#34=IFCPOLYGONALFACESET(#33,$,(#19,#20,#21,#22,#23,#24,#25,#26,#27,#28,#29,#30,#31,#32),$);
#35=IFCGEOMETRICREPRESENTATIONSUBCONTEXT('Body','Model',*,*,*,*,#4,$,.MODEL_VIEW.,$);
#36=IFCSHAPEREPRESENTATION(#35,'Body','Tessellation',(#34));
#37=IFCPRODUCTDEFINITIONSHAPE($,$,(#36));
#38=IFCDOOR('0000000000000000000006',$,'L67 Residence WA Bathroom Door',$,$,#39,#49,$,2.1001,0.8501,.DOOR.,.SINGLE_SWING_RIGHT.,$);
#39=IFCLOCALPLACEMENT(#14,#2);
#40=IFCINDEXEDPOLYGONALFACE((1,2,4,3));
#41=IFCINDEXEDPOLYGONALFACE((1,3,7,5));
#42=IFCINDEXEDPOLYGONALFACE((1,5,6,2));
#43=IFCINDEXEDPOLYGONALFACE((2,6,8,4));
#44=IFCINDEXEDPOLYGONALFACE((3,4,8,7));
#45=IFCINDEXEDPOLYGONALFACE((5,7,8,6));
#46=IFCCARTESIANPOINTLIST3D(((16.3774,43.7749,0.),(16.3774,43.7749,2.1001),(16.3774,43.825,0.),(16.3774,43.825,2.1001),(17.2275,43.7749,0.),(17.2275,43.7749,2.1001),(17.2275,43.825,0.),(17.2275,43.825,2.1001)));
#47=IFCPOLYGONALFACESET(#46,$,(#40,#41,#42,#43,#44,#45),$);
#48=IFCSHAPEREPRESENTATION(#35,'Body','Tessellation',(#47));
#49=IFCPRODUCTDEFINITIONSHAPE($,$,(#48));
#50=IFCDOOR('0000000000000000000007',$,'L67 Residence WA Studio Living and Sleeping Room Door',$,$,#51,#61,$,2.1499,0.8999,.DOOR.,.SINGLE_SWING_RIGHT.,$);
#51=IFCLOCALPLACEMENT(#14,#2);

----------------------------------------

Copy out all lines of the material containing the word "Tessellation".

Answer for the task =>
#36=IFCSHAPEREPRESENTATION(#35,'Body','Tessellation',(#34));
#48=IFCSHAPEREPRESENTATION(#35,'Body','Tessellation',(#47));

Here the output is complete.